> Required action
The records below hold a stretch from the line with "#21=IFCINDEXEDPOLYGONALFACE((1,5,6,10,9,13,14,2));" through the line with "#27=IFCINDEXEDPOLYGONALFACE((9,11,15,13));"; return exactly those lines, ends included, and nothing more.

> Data records
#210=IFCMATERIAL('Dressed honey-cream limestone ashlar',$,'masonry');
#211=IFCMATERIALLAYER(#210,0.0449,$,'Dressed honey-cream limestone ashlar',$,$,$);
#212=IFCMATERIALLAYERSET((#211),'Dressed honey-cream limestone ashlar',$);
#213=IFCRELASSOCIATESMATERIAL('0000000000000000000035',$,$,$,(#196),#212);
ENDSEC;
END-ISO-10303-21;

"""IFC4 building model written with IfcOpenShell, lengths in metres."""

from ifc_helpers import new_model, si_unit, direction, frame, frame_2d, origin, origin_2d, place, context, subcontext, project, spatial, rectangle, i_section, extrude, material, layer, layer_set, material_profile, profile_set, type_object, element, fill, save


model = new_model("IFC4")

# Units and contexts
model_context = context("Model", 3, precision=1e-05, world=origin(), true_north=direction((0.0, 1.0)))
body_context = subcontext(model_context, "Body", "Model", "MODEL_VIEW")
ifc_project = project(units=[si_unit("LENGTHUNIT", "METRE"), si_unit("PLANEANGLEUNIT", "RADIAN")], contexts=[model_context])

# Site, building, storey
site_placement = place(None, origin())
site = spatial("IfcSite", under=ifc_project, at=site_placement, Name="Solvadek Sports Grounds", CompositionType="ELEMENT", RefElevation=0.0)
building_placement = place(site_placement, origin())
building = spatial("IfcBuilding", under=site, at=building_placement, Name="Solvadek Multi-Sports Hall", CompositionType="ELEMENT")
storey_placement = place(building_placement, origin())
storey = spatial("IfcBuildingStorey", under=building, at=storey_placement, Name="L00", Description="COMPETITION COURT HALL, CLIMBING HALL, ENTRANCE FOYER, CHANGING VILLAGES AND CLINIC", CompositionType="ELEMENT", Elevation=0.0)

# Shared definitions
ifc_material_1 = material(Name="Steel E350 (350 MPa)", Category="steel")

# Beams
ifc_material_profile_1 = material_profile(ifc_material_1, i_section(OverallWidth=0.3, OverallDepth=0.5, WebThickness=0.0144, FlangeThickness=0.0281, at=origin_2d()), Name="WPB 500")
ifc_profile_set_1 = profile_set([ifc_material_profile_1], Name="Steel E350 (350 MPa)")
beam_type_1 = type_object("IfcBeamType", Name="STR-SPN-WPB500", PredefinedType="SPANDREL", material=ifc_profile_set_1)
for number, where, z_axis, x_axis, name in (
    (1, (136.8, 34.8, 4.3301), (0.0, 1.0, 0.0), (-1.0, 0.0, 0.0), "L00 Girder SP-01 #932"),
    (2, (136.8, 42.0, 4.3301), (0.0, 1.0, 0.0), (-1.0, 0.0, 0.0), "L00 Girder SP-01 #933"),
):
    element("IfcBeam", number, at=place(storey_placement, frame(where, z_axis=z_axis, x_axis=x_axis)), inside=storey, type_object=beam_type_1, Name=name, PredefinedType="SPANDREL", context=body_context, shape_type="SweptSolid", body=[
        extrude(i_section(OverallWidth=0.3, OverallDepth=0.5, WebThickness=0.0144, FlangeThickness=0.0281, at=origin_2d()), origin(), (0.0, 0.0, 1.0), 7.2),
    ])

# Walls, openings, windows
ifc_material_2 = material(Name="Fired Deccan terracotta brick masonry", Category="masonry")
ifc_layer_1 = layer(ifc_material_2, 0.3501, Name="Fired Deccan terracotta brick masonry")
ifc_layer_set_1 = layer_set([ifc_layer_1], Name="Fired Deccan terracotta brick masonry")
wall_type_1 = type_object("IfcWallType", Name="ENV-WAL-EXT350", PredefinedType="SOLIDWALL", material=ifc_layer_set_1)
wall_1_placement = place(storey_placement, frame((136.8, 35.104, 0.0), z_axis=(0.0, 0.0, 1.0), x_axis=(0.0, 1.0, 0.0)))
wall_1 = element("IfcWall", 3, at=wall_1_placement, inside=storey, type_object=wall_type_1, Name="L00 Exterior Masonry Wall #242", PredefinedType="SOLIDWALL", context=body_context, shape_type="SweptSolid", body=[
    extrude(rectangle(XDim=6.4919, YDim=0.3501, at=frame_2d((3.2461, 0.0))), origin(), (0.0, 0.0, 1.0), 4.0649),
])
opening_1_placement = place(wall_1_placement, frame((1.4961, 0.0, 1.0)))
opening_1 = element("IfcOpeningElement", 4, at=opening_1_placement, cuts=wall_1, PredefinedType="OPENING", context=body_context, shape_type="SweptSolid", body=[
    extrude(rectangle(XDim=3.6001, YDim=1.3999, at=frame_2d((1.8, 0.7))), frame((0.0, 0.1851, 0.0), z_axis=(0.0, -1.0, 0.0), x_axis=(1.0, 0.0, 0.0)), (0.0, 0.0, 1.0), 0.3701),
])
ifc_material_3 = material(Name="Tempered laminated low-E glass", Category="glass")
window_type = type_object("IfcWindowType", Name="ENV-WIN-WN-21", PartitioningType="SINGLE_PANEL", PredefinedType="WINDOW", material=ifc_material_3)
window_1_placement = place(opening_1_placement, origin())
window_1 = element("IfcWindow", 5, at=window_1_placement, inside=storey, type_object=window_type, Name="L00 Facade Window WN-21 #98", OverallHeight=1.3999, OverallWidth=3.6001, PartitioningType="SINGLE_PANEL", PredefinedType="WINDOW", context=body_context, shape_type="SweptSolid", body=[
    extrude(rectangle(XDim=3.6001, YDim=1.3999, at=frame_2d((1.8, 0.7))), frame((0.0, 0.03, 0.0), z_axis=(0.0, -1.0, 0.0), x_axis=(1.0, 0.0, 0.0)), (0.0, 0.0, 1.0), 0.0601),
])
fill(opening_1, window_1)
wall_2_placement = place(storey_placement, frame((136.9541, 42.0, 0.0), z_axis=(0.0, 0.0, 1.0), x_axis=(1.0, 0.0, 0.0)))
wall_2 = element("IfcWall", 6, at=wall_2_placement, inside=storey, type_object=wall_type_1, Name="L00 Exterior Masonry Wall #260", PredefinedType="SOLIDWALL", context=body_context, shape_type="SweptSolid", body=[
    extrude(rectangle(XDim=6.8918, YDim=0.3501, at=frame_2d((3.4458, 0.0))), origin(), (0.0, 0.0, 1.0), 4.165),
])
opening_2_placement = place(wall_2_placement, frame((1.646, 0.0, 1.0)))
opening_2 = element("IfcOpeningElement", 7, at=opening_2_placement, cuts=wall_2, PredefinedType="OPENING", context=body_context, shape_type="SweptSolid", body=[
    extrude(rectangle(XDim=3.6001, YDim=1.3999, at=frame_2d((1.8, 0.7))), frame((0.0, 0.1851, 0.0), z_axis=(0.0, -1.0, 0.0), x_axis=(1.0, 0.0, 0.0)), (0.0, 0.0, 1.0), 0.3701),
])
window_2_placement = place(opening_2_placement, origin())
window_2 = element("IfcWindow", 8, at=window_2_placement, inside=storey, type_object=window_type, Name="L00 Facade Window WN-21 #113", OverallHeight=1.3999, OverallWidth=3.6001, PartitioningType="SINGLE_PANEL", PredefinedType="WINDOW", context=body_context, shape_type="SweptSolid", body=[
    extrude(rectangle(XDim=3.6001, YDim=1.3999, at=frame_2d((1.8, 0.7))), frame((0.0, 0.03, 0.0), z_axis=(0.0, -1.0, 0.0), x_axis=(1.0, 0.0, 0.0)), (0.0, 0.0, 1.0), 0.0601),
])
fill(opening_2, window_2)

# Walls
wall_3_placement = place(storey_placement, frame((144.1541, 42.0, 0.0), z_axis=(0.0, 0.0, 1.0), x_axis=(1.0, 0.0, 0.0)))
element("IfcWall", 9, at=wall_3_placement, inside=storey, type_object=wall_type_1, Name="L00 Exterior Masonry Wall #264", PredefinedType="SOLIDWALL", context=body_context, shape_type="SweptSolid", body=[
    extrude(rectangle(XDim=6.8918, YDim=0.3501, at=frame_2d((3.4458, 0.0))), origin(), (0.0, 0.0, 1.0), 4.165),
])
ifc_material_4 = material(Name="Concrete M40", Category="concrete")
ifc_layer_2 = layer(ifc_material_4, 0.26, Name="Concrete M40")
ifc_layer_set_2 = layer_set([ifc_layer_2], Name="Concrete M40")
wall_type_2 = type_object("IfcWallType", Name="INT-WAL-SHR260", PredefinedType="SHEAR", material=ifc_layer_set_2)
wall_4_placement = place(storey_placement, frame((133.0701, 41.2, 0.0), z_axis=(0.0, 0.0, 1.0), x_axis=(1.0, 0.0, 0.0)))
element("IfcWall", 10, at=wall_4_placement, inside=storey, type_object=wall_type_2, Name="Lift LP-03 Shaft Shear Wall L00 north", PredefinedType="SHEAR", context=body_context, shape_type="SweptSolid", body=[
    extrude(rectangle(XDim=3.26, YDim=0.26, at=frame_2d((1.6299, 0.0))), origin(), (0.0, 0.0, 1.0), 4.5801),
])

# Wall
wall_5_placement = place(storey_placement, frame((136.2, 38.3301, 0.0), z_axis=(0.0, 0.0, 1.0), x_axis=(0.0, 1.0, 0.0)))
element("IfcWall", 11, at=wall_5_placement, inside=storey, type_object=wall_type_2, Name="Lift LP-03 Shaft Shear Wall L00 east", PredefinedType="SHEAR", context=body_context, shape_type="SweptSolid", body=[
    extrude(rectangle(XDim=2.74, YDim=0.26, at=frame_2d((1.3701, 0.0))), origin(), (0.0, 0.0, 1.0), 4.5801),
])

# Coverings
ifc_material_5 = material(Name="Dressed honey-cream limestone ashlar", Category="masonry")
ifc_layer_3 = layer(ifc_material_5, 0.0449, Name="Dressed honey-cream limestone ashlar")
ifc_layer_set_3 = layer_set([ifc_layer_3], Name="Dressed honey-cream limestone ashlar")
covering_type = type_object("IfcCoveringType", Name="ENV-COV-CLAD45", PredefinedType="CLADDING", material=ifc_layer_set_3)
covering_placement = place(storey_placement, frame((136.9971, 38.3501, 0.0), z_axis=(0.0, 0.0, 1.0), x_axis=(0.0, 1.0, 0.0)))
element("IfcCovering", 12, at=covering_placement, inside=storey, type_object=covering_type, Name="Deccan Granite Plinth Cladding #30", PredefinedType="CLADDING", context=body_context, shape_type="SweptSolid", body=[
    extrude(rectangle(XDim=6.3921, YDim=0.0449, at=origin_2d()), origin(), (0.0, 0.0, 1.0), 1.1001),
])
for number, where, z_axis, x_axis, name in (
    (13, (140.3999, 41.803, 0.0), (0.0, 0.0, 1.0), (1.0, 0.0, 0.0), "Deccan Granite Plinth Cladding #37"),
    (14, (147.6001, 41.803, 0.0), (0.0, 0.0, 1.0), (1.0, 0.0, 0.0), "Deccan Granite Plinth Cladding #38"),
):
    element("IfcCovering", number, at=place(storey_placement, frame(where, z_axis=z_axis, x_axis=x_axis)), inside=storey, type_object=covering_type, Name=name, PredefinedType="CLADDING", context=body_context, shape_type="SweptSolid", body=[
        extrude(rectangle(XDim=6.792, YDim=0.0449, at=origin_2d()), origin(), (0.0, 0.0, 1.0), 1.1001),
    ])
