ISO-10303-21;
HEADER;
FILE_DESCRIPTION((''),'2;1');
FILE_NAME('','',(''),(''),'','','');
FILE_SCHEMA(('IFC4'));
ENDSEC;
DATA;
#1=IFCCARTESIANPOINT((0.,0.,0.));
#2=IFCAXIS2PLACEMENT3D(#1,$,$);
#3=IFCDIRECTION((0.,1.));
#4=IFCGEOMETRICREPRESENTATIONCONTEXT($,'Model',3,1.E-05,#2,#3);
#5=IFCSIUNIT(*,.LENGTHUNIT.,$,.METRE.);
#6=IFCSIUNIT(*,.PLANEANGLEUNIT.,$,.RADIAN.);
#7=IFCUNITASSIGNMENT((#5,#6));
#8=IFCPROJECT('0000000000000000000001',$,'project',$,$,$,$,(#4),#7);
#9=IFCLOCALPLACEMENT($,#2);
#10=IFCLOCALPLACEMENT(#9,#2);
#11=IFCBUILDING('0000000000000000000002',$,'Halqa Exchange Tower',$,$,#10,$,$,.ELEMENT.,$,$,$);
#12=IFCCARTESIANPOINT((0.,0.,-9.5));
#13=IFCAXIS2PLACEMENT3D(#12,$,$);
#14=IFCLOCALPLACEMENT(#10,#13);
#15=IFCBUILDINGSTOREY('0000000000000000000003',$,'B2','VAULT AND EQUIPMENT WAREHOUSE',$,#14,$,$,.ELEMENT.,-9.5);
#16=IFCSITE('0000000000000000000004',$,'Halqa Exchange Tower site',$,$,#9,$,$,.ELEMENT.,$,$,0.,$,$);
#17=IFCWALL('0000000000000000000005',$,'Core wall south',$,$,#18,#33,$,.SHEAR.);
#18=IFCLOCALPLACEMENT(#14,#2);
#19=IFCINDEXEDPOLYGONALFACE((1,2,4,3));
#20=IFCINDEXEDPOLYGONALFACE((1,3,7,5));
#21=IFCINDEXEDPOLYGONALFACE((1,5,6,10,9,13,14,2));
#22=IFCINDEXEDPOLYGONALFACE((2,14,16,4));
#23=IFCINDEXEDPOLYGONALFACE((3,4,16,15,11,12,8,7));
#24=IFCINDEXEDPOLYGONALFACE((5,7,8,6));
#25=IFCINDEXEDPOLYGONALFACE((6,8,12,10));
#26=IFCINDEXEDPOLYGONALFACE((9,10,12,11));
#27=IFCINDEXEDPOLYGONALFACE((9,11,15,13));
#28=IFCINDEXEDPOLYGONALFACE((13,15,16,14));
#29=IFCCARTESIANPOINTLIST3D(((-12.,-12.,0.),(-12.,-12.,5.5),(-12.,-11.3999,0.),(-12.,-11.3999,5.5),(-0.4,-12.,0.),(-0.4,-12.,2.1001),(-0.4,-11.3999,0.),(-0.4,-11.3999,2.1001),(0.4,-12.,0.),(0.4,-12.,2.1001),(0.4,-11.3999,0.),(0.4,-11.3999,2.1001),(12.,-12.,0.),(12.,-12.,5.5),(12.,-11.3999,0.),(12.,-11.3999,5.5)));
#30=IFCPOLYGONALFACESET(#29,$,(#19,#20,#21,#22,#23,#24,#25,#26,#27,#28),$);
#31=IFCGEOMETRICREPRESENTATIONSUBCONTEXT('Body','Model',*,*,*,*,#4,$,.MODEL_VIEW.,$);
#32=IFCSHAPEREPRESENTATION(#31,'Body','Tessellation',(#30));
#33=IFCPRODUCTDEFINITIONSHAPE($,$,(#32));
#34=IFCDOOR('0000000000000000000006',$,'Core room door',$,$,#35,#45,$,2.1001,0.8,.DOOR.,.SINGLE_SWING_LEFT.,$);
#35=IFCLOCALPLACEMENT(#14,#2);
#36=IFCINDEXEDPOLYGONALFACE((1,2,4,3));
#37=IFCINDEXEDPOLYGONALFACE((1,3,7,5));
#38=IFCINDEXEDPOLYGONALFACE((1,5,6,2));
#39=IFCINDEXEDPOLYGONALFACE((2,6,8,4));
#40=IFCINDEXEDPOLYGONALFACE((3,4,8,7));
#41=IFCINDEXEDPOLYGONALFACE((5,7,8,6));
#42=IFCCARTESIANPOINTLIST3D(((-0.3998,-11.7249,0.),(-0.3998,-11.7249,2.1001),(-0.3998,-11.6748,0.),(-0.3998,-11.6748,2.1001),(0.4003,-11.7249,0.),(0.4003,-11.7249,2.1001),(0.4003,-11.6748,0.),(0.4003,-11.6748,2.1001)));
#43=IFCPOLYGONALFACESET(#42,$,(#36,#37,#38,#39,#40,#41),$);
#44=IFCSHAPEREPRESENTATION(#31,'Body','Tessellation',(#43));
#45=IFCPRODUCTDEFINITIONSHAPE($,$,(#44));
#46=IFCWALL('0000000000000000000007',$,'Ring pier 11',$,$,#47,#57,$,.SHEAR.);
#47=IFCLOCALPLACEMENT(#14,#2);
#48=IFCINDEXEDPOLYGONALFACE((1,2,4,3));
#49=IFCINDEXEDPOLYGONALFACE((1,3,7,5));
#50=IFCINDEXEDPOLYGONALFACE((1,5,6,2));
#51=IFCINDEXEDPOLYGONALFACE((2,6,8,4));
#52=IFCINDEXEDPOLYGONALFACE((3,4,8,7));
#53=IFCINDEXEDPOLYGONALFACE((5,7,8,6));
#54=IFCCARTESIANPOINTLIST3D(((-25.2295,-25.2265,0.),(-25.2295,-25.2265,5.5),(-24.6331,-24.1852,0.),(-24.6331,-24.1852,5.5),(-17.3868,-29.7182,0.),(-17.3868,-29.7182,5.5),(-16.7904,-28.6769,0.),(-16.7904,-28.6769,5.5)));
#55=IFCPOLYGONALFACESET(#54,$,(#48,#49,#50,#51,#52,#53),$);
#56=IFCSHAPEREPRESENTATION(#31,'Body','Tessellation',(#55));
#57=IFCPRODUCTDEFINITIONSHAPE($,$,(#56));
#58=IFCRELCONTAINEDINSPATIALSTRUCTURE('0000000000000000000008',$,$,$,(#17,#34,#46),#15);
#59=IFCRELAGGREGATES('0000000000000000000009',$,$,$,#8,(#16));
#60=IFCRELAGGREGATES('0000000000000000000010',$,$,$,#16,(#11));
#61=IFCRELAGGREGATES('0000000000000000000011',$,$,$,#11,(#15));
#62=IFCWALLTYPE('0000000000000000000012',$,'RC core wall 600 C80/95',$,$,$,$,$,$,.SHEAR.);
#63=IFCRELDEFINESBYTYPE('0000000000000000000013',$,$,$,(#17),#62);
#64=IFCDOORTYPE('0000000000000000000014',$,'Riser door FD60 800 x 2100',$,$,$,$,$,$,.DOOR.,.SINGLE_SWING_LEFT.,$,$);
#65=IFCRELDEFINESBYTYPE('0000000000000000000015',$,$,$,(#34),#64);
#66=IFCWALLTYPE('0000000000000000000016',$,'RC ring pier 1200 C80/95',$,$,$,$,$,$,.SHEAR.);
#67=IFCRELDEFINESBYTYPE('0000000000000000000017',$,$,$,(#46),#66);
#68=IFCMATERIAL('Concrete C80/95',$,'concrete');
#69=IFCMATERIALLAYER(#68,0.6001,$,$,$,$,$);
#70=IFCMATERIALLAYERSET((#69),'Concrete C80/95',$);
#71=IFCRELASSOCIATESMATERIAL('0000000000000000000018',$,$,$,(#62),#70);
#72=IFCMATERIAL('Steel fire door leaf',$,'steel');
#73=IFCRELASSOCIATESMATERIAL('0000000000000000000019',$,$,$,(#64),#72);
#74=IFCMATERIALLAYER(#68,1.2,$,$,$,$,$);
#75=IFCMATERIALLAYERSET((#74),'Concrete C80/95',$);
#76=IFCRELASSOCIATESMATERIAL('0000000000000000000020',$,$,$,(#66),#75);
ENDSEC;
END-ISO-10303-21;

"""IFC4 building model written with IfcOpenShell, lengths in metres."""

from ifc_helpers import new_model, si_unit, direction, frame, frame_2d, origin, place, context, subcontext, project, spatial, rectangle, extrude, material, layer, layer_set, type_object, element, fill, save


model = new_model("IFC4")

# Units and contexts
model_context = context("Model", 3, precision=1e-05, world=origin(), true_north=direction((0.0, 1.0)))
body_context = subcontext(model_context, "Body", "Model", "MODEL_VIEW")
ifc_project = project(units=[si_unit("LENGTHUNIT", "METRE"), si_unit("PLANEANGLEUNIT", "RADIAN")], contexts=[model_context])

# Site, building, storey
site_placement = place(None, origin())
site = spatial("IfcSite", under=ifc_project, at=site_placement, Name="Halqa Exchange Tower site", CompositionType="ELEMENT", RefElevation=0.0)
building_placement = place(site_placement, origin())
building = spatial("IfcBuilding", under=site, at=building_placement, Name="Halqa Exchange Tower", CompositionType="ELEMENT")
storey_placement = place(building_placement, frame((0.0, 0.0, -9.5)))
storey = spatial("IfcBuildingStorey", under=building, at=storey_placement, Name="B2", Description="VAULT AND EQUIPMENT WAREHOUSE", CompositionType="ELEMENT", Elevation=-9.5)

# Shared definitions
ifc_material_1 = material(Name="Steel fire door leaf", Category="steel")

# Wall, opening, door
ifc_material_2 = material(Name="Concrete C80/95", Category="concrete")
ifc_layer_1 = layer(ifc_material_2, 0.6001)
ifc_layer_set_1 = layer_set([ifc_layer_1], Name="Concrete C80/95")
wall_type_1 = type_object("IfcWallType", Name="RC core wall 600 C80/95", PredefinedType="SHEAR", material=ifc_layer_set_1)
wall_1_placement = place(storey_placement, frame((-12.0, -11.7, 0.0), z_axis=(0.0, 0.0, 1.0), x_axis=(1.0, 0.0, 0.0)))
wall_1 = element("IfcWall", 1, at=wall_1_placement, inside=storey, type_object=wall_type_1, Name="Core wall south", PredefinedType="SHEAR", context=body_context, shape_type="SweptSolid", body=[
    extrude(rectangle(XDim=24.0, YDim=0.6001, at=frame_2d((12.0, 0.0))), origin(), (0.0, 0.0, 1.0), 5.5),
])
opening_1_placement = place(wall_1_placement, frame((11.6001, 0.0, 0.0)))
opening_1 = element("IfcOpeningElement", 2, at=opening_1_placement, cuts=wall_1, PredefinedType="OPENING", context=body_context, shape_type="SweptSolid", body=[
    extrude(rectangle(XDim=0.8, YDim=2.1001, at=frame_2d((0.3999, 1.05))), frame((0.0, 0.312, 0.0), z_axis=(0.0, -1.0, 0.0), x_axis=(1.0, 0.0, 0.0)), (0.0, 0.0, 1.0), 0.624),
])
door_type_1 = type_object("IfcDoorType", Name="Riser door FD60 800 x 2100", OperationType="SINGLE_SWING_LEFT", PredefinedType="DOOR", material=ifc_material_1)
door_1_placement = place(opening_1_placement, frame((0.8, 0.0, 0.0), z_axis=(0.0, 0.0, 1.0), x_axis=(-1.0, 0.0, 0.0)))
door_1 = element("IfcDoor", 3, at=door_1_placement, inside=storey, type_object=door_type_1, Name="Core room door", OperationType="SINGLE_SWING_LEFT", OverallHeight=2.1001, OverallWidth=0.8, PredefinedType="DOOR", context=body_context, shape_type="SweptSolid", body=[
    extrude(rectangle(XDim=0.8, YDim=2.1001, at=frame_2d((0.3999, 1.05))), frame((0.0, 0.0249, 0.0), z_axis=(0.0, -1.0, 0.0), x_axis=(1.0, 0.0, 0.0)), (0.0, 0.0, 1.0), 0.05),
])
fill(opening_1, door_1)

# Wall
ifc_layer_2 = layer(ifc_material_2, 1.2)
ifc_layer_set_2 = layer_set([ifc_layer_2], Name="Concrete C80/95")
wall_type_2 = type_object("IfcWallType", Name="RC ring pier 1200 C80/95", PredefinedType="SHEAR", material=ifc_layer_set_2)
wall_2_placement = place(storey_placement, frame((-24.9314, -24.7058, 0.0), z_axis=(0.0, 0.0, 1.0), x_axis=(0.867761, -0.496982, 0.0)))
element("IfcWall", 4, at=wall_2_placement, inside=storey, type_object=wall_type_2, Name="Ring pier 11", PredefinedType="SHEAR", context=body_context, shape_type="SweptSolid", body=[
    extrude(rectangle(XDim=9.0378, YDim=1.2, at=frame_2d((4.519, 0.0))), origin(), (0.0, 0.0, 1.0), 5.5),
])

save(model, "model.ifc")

> Solution to the problem
#21=IFCINDEXEDPOLYGONALFACE((1,5,6,10,9,13,14,2));
#22=IFCINDEXEDPOLYGONALFACE((2,14,16,4));
#23=IFCINDEXEDPOLYGONALFACE((3,4,16,15,11,12,8,7));
#24=IFCINDEXEDPOLYGONALFACE((5,7,8,6));
#25=IFCINDEXEDPOLYGONALFACE((6,8,12,10));
#26=IFCINDEXEDPOLYGONALFACE((9,10,12,11));
#27=IFCINDEXEDPOLYGONALFACE((9,11,15,13));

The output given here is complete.